PROBLEM DESCRIPTION: Your output should be the lines of the entries below, exactly, from the first one through the line that holds "#116=IFCINDEXEDPOLYGONALFACE((32,68,71,35));".

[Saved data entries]
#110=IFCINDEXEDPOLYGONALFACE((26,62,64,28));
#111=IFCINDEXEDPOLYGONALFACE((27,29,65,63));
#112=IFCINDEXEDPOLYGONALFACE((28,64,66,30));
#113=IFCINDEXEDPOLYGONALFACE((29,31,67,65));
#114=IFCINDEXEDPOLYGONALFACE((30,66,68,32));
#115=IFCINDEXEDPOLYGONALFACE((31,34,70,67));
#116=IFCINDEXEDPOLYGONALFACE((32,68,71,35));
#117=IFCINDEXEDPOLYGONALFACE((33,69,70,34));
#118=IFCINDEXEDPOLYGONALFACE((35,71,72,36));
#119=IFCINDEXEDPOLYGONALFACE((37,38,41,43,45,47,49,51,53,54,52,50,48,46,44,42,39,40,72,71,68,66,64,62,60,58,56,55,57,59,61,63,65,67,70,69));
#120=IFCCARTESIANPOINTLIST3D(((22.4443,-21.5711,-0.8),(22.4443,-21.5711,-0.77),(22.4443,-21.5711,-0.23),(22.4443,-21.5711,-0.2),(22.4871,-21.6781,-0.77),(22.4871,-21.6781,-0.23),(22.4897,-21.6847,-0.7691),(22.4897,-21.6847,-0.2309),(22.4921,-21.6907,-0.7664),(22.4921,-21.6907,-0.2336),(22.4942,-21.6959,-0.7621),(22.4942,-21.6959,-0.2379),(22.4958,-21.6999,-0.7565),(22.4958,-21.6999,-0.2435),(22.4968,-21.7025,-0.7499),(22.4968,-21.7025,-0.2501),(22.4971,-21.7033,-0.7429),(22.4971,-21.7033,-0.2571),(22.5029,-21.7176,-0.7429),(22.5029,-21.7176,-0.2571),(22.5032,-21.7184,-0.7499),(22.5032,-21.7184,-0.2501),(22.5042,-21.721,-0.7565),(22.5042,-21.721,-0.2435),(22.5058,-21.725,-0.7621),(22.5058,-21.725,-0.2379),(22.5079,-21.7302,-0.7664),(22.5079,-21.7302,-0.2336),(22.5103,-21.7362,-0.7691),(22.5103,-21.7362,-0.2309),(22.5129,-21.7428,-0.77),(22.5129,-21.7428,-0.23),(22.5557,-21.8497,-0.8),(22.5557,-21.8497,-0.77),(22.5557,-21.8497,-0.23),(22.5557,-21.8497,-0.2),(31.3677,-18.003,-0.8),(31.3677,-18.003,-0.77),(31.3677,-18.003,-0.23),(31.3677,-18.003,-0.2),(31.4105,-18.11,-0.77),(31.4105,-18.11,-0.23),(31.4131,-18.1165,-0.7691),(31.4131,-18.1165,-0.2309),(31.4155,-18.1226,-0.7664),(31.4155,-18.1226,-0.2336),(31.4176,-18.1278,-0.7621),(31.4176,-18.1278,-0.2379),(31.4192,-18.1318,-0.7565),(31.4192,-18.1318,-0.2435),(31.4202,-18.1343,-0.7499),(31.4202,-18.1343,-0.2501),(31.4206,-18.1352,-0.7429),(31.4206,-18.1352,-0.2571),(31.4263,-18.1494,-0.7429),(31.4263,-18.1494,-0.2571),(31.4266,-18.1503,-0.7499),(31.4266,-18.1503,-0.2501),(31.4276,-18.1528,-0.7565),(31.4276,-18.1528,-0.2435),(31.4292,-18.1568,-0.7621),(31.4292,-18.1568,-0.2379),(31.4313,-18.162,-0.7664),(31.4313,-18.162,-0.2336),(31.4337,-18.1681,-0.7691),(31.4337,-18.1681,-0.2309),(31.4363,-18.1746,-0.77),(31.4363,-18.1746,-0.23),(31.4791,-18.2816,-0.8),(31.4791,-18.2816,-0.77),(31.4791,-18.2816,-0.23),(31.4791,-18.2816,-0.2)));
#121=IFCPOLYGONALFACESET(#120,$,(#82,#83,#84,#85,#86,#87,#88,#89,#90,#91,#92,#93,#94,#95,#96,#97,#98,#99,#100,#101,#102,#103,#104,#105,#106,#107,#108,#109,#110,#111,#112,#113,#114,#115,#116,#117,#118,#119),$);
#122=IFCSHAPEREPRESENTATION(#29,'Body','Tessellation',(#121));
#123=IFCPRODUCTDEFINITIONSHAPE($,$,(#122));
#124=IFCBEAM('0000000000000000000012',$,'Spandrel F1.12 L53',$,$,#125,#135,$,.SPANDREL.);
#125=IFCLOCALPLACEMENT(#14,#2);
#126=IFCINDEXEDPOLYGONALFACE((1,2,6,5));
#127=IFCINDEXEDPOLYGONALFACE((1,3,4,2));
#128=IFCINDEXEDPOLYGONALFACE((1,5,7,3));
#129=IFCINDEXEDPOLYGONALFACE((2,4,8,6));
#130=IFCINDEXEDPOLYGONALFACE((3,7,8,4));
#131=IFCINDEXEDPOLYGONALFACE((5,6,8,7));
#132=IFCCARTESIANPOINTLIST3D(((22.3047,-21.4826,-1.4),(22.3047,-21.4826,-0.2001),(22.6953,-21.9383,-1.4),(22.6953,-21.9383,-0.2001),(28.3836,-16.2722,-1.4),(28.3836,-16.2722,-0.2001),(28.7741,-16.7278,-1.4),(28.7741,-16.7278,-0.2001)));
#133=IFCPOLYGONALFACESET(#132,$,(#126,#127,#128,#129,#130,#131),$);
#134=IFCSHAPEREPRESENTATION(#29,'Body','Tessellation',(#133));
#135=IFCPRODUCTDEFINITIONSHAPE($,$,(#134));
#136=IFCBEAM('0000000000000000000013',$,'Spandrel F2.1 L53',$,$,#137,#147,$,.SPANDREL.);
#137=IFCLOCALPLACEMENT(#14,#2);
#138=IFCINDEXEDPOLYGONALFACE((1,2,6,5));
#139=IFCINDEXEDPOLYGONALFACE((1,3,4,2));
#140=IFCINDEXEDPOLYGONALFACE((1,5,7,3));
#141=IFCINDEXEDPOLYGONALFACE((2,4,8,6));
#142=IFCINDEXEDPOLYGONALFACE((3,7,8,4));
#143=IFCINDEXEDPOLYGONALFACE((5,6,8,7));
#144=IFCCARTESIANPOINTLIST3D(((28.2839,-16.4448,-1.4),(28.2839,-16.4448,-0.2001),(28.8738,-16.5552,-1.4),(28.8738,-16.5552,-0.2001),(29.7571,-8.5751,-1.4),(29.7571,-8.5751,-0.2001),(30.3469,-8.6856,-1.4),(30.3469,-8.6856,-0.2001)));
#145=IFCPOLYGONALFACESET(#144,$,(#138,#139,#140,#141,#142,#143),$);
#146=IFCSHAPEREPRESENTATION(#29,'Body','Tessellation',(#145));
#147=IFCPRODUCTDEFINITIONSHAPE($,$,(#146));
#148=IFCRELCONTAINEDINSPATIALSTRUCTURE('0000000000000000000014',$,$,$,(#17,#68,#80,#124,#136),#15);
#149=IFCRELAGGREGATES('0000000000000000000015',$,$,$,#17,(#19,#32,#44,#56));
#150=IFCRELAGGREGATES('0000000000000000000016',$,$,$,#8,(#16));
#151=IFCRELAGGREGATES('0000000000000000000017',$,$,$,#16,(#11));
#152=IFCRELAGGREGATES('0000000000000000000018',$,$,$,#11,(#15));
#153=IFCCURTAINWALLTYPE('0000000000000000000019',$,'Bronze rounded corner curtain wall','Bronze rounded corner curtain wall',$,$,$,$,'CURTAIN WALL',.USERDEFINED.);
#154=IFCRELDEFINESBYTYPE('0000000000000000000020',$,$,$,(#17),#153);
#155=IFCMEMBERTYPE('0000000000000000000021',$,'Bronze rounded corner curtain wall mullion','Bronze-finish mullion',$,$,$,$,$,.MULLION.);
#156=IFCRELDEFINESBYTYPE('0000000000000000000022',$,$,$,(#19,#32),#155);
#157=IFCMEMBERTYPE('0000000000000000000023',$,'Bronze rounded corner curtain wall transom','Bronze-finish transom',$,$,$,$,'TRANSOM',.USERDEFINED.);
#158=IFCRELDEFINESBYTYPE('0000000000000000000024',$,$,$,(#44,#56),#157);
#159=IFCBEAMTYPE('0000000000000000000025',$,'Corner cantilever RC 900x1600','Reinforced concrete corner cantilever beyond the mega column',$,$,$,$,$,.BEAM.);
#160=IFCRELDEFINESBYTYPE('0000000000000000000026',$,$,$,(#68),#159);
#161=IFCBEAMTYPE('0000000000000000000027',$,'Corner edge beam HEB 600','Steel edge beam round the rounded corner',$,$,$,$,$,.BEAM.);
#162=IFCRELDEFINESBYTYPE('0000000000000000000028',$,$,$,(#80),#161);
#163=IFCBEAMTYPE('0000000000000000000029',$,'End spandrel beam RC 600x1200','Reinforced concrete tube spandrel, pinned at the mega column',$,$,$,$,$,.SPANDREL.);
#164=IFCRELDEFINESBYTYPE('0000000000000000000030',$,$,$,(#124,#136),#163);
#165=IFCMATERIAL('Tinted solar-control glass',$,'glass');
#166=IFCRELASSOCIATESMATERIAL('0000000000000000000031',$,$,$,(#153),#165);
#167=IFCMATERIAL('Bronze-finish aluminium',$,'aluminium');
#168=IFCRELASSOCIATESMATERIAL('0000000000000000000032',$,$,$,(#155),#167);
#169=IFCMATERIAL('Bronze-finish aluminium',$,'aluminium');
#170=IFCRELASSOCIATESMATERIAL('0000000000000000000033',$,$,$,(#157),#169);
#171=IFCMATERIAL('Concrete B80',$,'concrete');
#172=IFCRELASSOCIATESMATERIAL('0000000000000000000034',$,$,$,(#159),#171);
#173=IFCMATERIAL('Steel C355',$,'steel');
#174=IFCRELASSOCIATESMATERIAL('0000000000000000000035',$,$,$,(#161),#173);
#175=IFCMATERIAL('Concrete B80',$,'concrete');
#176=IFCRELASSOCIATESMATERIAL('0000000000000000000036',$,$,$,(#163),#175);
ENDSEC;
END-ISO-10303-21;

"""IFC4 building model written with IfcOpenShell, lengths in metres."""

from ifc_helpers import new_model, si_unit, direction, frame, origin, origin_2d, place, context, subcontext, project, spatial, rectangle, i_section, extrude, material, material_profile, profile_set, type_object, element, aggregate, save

EXPECTED OUTPUT:
#110=IFCINDEXEDPOLYGONALFACE((26,62,64,28));
#111=IFCINDEXEDPOLYGONALFACE((27,29,65,63));
#112=IFCINDEXEDPOLYGONALFACE((28,64,66,30));
#113=IFCINDEXEDPOLYGONALFACE((29,31,67,65));
#114=IFCINDEXEDPOLYGONALFACE((30,66,68,32));
#115=IFCINDEXEDPOLYGONALFACE((31,34,70,67));
#116=IFCINDEXEDPOLYGONALFACE((32,68,71,35));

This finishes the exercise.